▶ **WORK INSTRUCTION**
Starting at the first line of the data below, retype every line up to and including the one containing "STUDY COMMONS EAST',$,#14,$,$,.ELEMENT.,9.8999);".

(Saved data entries)

:::

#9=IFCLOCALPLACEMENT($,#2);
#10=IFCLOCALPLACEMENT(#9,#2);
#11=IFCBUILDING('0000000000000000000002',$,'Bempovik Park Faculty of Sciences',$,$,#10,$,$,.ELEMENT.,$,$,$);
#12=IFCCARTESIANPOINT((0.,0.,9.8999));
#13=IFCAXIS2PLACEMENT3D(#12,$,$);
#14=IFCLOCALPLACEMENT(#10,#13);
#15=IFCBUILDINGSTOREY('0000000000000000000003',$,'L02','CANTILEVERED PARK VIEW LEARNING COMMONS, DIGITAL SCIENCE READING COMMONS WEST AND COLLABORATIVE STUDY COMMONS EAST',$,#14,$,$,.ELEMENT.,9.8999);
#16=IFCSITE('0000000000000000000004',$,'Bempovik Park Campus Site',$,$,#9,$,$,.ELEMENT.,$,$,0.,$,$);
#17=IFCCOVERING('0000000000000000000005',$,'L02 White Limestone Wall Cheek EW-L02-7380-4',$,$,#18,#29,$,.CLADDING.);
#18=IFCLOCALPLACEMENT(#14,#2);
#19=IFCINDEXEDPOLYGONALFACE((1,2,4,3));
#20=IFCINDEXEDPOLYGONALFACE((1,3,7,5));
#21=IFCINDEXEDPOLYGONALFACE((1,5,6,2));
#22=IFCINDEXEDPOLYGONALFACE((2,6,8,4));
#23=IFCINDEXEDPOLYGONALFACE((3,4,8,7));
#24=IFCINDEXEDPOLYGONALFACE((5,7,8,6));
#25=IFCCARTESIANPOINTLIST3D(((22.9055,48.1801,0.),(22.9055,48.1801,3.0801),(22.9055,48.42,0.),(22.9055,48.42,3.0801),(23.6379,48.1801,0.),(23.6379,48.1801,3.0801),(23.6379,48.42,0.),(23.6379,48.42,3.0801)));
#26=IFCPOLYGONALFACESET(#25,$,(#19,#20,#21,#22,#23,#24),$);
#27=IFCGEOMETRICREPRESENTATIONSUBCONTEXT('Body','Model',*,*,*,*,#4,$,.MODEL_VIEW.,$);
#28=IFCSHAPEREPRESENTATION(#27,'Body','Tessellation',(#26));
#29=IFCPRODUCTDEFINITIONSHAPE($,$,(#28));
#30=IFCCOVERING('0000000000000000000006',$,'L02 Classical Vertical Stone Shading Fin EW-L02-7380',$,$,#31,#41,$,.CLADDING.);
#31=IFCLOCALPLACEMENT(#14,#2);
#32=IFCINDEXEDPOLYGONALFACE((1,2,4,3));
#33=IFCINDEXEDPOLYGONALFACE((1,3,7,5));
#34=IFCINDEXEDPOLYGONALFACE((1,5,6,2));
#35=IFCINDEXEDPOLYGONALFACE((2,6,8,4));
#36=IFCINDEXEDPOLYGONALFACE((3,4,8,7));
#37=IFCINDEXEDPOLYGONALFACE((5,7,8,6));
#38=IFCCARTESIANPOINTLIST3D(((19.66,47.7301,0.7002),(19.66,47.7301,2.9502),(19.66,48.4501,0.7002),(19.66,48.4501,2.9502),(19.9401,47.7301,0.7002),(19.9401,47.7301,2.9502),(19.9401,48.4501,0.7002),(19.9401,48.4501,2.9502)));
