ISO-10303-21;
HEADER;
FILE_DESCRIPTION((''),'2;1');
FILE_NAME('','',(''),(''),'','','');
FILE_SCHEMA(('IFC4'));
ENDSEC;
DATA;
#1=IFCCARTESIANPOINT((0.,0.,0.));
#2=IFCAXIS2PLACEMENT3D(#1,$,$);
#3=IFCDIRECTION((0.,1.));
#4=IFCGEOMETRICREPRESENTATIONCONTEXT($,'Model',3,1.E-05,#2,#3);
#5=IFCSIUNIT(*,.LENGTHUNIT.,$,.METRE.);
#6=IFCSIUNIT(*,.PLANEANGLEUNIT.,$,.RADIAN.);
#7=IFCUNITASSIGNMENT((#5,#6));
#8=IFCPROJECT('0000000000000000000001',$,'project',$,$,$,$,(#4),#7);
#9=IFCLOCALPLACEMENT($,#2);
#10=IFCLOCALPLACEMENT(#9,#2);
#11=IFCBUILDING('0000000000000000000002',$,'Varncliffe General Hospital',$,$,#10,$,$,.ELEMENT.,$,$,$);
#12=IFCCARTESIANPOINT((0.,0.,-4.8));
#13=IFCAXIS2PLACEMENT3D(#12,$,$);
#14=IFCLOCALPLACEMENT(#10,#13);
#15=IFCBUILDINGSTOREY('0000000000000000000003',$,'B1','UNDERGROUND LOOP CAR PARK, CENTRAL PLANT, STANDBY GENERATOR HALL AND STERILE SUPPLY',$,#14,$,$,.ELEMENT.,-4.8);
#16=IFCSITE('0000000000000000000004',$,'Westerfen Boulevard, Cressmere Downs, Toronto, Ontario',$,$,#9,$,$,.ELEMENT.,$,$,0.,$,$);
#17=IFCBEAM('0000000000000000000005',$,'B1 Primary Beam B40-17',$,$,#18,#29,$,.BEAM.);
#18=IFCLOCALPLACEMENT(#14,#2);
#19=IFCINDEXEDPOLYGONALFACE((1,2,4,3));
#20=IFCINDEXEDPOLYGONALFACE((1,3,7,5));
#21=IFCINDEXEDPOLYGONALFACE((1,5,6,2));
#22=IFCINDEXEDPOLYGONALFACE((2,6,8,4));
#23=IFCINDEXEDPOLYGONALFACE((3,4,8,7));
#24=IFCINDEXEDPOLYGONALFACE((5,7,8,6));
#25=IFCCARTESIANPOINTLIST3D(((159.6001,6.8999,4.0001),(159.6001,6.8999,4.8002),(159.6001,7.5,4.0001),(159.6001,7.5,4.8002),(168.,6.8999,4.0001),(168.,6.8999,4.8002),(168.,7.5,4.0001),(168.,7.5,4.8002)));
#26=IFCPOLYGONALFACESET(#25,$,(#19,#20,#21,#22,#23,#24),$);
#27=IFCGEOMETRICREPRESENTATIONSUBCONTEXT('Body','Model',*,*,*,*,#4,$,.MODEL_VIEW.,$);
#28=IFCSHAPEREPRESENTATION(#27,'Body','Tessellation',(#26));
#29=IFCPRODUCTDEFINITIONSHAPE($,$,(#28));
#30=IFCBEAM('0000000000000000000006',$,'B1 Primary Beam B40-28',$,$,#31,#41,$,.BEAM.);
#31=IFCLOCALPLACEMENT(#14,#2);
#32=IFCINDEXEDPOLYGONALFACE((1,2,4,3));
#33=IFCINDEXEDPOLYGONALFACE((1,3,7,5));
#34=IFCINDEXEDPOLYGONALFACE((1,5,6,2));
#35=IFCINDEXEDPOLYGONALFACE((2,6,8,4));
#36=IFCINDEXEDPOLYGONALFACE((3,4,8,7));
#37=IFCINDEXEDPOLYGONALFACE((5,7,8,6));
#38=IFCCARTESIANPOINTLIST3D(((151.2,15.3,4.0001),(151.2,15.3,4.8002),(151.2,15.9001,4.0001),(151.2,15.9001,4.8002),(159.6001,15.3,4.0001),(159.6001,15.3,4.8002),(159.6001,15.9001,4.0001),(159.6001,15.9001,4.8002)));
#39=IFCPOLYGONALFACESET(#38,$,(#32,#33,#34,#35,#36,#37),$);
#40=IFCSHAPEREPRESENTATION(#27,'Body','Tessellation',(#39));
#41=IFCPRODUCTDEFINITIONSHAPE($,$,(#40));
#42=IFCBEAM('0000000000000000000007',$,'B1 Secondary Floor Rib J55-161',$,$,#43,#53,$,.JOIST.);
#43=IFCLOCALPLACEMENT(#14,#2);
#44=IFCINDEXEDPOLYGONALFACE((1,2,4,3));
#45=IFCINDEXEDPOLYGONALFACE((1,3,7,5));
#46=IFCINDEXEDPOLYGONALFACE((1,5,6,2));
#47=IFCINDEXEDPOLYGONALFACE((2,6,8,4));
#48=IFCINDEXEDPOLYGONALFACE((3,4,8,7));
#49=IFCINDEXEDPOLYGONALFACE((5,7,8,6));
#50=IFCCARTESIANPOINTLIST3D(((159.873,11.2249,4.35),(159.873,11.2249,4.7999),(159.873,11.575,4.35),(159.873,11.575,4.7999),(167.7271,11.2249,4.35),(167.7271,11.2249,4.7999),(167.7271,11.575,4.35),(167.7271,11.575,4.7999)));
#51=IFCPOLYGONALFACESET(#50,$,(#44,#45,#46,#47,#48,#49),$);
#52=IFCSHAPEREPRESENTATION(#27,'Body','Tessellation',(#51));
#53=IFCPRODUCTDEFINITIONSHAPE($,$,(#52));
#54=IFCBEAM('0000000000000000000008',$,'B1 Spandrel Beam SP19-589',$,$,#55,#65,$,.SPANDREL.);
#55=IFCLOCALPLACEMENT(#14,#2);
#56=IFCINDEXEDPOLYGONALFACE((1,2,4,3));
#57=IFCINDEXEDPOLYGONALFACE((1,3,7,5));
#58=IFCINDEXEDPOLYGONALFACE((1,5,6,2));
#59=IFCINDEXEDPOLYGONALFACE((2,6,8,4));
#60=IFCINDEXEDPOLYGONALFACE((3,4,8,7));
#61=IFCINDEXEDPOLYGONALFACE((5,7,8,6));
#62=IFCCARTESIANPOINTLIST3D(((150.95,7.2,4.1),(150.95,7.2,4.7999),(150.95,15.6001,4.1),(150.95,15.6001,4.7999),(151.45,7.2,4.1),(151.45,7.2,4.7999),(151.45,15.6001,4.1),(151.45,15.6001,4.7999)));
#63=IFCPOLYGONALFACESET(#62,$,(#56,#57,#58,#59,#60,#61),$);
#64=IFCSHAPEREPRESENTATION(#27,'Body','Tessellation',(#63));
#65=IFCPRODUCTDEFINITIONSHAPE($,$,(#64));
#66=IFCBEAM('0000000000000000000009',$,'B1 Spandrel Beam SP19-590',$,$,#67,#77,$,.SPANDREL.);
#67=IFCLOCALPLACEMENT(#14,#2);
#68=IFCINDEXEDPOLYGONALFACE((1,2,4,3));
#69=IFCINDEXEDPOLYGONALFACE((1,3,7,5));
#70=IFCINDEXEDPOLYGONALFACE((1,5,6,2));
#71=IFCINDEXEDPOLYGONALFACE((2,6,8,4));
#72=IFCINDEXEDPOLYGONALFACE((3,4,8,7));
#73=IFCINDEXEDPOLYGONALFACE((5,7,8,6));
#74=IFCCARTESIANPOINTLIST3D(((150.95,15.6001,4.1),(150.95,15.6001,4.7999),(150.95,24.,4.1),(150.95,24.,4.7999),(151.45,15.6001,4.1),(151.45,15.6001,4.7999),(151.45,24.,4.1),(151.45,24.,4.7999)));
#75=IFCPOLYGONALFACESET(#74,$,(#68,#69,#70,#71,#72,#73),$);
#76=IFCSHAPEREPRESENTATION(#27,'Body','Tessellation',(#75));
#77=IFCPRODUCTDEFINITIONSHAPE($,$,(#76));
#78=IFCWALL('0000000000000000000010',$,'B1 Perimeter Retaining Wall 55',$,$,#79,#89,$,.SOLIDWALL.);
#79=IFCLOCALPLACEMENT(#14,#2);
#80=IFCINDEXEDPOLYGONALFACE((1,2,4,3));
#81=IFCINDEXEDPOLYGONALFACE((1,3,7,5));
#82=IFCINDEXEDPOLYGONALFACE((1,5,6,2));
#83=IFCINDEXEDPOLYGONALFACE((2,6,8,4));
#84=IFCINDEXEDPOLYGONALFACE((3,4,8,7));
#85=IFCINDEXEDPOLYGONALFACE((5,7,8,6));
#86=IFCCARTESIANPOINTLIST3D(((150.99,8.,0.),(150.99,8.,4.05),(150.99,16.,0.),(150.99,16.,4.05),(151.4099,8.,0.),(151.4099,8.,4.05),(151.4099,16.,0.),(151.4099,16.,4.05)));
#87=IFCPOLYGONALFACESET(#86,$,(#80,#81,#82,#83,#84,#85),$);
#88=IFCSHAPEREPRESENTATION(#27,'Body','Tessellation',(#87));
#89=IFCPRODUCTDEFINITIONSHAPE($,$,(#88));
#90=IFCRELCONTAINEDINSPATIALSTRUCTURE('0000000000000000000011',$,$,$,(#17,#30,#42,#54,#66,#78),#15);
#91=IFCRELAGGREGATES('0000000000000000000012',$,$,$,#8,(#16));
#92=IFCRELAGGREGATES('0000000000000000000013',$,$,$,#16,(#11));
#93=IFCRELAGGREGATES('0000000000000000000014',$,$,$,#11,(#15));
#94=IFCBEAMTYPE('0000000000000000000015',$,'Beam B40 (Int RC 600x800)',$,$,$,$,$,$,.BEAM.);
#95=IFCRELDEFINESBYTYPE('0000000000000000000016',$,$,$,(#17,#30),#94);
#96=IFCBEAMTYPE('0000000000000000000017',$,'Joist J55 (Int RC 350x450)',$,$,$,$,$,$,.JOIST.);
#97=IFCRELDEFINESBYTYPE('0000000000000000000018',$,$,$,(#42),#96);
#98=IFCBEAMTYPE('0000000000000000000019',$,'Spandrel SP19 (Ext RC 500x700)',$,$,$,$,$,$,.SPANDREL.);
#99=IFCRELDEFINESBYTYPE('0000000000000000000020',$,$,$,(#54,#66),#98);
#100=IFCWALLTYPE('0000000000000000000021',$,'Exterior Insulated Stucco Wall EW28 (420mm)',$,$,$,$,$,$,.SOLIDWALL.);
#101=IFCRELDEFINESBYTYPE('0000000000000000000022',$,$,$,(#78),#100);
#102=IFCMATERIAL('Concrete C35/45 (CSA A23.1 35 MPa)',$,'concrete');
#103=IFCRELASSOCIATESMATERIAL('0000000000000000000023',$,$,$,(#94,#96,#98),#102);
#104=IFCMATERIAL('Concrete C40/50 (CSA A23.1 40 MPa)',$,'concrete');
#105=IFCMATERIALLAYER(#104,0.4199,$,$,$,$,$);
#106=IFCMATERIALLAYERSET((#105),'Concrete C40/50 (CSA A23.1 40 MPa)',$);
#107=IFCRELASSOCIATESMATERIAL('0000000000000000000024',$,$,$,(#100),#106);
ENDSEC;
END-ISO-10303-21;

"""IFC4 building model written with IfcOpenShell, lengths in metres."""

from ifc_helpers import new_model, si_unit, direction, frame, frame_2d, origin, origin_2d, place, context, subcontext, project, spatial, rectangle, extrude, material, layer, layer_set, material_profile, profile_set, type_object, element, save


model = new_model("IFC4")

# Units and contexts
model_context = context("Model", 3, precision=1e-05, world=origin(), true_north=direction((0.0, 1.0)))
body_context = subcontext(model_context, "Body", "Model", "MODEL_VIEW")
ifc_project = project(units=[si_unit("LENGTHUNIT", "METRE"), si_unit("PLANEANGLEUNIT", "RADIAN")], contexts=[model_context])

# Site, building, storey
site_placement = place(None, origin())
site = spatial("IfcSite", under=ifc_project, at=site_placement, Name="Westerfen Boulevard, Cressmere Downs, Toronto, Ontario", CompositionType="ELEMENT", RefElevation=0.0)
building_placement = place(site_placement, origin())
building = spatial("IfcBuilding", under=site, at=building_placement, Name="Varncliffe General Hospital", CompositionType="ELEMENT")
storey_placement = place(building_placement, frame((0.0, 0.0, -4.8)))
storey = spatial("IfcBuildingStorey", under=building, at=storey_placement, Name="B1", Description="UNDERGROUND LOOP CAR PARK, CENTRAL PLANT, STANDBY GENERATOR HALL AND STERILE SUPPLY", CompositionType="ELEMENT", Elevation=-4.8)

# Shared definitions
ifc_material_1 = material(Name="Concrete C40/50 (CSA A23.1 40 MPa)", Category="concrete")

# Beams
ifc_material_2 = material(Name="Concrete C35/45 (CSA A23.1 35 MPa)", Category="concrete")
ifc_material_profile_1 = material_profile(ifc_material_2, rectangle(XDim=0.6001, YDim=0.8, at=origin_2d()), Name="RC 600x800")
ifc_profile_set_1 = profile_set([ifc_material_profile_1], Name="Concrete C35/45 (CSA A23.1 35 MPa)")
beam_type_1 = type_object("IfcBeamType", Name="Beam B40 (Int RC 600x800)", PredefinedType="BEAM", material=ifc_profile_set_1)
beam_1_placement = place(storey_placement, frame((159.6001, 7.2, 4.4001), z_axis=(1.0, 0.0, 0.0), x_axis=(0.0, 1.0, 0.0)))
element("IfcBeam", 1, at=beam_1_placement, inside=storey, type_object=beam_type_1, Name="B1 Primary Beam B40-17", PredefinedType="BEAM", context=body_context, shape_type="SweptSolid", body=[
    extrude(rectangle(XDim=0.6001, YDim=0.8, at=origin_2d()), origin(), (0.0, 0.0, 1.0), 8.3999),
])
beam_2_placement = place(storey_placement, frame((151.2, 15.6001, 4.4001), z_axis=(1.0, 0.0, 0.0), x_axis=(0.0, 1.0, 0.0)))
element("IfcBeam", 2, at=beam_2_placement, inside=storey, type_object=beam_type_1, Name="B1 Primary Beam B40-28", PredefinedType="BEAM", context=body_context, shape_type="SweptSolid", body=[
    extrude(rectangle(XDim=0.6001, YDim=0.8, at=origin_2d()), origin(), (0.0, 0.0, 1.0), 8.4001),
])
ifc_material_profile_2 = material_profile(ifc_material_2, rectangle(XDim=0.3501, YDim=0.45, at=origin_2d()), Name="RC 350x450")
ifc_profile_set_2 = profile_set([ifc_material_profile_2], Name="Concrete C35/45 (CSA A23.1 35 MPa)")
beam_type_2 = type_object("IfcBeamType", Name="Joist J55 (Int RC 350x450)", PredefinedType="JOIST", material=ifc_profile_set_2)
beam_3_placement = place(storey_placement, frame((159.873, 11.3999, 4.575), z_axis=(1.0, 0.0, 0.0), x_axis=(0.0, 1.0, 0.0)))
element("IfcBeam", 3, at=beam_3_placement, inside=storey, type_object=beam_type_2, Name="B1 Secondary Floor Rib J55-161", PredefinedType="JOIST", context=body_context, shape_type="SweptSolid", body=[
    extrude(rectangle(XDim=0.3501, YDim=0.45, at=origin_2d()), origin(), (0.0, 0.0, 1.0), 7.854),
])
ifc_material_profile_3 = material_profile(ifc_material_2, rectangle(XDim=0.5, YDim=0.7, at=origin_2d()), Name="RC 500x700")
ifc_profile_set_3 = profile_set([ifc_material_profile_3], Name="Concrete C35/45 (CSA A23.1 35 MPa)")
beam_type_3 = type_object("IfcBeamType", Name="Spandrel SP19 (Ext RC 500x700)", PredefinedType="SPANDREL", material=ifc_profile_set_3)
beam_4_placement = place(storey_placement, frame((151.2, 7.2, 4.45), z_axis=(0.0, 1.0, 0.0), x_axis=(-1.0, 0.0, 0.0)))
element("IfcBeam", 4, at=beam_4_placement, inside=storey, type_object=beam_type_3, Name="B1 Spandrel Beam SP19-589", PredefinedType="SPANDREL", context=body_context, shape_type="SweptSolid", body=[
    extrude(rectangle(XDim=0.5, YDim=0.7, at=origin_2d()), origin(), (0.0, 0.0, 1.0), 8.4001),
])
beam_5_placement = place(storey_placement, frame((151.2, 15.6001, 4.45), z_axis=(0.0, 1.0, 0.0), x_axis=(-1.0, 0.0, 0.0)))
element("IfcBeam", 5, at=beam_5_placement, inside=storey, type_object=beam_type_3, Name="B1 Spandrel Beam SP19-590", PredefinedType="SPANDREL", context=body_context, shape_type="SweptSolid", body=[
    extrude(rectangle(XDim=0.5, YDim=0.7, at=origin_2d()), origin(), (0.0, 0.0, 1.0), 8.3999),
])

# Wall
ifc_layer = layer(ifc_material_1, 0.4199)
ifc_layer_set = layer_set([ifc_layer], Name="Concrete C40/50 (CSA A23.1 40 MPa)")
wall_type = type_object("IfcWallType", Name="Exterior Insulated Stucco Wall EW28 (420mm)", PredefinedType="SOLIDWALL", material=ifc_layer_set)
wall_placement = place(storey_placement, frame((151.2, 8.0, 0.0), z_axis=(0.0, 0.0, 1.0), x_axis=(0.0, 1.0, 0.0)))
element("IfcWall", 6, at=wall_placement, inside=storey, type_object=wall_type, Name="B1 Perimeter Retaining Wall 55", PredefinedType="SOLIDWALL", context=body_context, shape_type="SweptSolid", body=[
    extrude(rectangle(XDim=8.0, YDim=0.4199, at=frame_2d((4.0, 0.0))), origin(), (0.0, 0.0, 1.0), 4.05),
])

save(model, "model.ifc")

:::

▶ **RESULT**
#9=IFCLOCALPLACEMENT($,#2);
#10=IFCLOCALPLACEMENT(#9,#2);
#11=IFCBUILDING('0000000000000000000002',$,'Bempovik Park Faculty of Sciences',$,$,#10,$,$,.ELEMENT.,$,$,$);
#12=IFCCARTESIANPOINT((0.,0.,9.8999));
#13=IFCAXIS2PLACEMENT3D(#12,$,$);
#14=IFCLOCALPLACEMENT(#10,#13);
#15=IFCBUILDINGSTOREY('0000000000000000000003',$,'L02','CANTILEVERED PARK VIEW LEARNING COMMONS, DIGITAL SCIENCE READING COMMONS WEST AND COLLABORATIVE STUDY COMMONS EAST',$,#14,$,$,.ELEMENT.,9.8999);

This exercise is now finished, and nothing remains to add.